### [What the exercise asks]
Every line of the records below from the line with "#123=IFCINDEXEDPOLYGONALFACE((3,4,8,7));" up to and including the line with "#141=IFCINDEXEDPOLYGONALFACE((39,40,42,41));" must be reproduced exactly, and no line outside that range.

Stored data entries

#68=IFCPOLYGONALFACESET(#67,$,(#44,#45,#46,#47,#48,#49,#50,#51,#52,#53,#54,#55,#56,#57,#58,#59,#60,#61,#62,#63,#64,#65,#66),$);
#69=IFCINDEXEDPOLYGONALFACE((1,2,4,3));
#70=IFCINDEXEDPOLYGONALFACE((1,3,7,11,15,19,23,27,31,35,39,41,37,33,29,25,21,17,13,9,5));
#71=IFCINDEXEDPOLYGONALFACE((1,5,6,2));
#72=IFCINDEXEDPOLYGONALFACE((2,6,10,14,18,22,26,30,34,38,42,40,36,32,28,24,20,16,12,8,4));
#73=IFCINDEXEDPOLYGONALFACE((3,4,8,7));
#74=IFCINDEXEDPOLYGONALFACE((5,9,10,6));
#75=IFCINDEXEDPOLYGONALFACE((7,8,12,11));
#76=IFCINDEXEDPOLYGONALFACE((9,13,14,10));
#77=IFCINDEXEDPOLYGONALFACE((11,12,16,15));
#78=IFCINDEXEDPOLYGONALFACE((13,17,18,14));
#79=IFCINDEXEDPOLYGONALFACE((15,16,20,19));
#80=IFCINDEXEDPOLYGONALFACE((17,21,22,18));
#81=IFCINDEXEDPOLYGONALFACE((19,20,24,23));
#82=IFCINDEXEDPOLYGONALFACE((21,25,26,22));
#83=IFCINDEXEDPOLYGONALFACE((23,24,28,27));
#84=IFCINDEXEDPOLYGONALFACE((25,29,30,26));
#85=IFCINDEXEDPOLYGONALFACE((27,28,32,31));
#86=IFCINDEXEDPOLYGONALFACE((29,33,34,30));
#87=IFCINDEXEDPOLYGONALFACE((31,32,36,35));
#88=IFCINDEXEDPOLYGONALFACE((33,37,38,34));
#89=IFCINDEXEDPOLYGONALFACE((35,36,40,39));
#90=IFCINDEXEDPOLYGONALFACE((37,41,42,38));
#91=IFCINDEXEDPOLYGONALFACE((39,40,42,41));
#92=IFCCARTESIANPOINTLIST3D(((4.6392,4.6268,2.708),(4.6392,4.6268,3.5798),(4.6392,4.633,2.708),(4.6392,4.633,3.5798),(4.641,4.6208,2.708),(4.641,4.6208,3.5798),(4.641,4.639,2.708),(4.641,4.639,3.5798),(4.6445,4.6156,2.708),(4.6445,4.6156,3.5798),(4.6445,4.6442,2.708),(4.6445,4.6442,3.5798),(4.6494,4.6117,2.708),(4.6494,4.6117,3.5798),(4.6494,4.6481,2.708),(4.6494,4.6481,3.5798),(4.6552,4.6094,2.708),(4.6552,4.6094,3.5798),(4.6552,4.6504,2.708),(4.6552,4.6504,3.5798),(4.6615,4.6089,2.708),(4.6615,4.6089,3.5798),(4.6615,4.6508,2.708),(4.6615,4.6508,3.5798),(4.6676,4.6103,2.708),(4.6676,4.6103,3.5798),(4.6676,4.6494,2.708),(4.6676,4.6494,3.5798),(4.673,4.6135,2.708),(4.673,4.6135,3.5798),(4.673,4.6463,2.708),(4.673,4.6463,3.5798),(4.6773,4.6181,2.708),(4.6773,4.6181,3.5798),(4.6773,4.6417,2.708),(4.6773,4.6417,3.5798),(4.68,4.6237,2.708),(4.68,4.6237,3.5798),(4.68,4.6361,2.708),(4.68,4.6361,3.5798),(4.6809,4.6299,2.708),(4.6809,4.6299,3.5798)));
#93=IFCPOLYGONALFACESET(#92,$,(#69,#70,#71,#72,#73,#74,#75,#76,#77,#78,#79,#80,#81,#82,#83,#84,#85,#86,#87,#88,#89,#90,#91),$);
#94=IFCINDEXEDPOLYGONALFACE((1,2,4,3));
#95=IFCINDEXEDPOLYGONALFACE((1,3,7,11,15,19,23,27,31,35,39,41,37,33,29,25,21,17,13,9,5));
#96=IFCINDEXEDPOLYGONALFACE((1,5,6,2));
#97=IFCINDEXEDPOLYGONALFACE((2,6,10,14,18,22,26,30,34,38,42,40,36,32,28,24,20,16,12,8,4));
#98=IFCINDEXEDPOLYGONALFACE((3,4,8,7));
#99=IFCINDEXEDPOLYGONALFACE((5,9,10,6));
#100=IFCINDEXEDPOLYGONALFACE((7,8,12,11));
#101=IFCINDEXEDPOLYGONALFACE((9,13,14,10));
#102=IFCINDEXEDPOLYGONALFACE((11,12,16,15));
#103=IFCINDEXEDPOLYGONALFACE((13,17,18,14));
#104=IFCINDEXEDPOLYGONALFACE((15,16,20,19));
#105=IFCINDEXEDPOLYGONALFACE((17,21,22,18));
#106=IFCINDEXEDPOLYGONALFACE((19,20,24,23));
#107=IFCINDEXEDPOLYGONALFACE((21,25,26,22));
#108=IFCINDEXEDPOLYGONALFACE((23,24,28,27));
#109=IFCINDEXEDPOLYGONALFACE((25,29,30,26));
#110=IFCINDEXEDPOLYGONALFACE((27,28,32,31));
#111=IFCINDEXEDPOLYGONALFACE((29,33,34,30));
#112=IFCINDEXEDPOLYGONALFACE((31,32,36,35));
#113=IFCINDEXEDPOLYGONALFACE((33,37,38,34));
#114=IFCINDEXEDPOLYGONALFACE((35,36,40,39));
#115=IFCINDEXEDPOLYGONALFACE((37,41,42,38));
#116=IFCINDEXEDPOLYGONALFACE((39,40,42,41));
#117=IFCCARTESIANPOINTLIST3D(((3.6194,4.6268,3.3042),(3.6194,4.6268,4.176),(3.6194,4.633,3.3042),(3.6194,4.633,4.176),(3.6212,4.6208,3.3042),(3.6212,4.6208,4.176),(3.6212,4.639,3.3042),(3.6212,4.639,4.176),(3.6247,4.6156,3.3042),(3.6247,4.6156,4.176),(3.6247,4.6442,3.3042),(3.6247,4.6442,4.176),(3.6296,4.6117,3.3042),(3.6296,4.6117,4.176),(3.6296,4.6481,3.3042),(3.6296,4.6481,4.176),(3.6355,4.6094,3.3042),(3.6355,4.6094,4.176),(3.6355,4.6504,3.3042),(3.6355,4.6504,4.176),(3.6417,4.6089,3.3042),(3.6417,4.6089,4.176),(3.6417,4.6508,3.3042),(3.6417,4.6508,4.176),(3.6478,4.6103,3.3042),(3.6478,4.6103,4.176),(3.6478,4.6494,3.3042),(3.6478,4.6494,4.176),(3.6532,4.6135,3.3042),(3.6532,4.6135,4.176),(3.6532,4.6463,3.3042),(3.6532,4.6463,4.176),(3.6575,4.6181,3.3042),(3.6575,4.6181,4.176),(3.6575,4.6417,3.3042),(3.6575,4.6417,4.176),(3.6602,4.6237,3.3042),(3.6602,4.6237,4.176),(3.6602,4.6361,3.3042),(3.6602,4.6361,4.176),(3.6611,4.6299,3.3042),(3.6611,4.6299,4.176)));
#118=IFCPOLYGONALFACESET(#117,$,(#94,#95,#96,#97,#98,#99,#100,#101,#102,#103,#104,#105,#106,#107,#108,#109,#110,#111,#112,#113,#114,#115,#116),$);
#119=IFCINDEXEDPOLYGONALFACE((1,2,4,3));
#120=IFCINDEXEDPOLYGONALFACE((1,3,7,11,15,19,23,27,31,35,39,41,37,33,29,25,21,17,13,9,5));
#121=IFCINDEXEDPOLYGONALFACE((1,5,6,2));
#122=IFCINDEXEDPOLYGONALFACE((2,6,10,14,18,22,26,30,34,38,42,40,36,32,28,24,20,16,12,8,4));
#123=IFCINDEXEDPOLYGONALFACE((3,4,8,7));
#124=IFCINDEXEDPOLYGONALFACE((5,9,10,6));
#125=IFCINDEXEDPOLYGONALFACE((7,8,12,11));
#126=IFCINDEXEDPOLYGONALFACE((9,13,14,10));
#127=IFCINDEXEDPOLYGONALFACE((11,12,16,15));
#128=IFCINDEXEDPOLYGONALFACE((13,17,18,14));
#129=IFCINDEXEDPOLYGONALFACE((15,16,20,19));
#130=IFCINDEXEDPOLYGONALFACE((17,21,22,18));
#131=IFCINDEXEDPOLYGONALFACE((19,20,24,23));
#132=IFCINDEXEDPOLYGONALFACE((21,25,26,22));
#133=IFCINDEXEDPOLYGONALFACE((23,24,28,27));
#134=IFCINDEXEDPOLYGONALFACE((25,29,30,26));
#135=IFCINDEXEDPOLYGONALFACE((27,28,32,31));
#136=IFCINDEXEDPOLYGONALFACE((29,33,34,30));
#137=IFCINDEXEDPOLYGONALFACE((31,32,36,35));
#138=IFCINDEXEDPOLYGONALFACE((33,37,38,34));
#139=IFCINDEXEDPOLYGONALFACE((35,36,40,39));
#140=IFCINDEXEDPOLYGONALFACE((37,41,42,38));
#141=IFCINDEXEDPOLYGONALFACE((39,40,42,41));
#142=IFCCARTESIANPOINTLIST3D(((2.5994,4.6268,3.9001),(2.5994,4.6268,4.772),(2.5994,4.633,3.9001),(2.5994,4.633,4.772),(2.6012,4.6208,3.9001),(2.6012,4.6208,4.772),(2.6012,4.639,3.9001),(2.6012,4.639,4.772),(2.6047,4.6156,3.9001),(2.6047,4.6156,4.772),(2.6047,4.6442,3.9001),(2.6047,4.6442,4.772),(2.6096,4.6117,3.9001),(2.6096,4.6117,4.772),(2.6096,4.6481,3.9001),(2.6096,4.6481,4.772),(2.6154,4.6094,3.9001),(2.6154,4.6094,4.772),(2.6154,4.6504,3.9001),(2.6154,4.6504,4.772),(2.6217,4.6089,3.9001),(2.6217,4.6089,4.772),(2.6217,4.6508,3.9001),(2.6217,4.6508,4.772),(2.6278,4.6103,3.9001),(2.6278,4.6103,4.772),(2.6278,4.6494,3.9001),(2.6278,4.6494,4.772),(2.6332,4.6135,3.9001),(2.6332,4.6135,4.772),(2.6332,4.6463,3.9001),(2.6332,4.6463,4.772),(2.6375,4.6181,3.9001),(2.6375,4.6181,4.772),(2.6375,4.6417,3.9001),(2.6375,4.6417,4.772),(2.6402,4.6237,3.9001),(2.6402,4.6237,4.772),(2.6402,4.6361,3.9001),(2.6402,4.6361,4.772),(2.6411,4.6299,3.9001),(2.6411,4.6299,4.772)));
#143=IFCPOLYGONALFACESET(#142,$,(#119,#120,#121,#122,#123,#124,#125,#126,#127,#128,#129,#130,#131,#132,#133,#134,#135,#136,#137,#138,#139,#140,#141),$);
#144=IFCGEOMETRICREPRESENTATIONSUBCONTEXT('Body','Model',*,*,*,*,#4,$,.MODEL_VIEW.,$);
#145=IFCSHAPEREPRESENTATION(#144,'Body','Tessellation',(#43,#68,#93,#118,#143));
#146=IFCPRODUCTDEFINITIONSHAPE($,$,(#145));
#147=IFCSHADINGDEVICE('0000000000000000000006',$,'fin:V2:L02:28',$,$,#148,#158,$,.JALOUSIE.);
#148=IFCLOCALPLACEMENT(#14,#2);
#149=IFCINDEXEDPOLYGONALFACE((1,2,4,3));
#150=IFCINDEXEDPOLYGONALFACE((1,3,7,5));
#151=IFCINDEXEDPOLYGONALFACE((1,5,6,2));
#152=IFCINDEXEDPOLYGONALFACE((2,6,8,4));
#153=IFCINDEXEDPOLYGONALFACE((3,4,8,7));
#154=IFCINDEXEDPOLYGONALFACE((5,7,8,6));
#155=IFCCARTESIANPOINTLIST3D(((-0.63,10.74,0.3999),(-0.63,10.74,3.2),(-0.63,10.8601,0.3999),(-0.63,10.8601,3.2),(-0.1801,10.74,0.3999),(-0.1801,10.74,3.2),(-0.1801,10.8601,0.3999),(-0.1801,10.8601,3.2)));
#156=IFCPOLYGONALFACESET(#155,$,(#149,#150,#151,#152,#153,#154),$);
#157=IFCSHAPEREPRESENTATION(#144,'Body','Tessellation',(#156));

### [Task output]
#123=IFCINDEXEDPOLYGONALFACE((3,4,8,7));
#124=IFCINDEXEDPOLYGONALFACE((5,9,10,6));
#125=IFCINDEXEDPOLYGONALFACE((7,8,12,11));
#126=IFCINDEXEDPOLYGONALFACE((9,13,14,10));
#127=IFCINDEXEDPOLYGONALFACE((11,12,16,15));
#128=IFCINDEXEDPOLYGONALFACE((13,17,18,14));
#129=IFCINDEXEDPOLYGONALFACE((15,16,20,19));
#130=IFCINDEXEDPOLYGONALFACE((17,21,22,18));
#131=IFCINDEXEDPOLYGONALFACE((19,20,24,23));
#132=IFCINDEXEDPOLYGONALFACE((21,25,26,22));
#133=IFCINDEXEDPOLYGONALFACE((23,24,28,27));
#134=IFCINDEXEDPOLYGONALFACE((25,29,30,26));
#135=IFCINDEXEDPOLYGONALFACE((27,28,32,31));
#136=IFCINDEXEDPOLYGONALFACE((29,33,34,30));
#137=IFCINDEXEDPOLYGONALFACE((31,32,36,35));
#138=IFCINDEXEDPOLYGONALFACE((33,37,38,34));
#139=IFCINDEXEDPOLYGONALFACE((35,36,40,39));
#140=IFCINDEXEDPOLYGONALFACE((37,41,42,38));
#141=IFCINDEXEDPOLYGONALFACE((39,40,42,41));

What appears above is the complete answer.